Reproduce exactly the lines below from the one containing "#161=IFCINDEXEDPOLYGONALFACE((77,79,83,81));" through the one containing "#163=IFCINDEXEDPOLYGONALFACE((81,83,84,82));", including both, and nothing else.

(Records contained in a dataset)
•••

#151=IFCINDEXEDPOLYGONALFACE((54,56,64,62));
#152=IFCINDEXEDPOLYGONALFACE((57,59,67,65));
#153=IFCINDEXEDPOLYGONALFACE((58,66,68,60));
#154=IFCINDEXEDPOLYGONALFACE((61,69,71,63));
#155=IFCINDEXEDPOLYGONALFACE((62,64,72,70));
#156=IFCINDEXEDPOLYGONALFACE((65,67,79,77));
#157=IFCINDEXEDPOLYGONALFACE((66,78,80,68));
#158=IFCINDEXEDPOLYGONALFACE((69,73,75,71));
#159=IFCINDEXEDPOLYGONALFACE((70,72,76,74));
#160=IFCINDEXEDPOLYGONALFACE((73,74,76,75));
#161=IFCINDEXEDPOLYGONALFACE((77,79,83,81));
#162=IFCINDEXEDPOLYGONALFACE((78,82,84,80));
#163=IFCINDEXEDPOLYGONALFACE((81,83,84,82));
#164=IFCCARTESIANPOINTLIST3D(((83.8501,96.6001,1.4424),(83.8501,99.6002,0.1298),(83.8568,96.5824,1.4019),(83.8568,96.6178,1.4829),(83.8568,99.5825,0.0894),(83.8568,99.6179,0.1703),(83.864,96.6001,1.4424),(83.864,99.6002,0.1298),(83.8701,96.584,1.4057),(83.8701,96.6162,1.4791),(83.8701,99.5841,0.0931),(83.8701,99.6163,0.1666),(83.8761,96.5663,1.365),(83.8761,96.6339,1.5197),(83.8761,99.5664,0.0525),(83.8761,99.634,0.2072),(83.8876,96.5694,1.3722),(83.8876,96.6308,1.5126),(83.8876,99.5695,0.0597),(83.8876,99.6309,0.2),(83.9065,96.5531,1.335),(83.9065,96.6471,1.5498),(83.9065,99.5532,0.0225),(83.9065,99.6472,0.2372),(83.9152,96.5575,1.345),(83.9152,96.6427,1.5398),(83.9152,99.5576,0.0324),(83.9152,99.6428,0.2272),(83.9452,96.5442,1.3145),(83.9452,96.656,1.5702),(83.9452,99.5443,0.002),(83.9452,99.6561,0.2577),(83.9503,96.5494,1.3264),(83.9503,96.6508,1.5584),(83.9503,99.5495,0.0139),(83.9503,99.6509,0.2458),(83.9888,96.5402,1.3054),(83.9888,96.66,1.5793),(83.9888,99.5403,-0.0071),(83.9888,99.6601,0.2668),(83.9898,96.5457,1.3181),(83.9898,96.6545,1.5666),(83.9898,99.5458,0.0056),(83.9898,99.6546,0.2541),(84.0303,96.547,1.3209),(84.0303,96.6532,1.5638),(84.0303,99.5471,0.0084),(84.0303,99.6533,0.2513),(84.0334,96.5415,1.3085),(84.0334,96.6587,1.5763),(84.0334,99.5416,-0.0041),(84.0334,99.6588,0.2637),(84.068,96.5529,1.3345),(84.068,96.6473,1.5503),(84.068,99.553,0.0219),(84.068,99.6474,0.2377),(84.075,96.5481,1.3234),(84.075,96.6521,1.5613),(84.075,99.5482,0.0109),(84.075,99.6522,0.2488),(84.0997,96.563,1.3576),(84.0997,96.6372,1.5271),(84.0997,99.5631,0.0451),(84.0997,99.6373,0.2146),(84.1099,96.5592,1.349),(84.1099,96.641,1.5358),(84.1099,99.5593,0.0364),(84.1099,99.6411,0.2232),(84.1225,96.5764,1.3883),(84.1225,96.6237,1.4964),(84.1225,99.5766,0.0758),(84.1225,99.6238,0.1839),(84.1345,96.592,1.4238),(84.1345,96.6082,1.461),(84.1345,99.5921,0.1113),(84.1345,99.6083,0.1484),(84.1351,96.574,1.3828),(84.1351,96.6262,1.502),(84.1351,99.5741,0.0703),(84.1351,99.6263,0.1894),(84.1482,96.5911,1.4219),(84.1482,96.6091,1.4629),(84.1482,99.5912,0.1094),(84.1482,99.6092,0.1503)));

•••

_Output of the exercise_.
#161=IFCINDEXEDPOLYGONALFACE((77,79,83,81));
#162=IFCINDEXEDPOLYGONALFACE((78,82,84,80));
#163=IFCINDEXEDPOLYGONALFACE((81,83,84,82));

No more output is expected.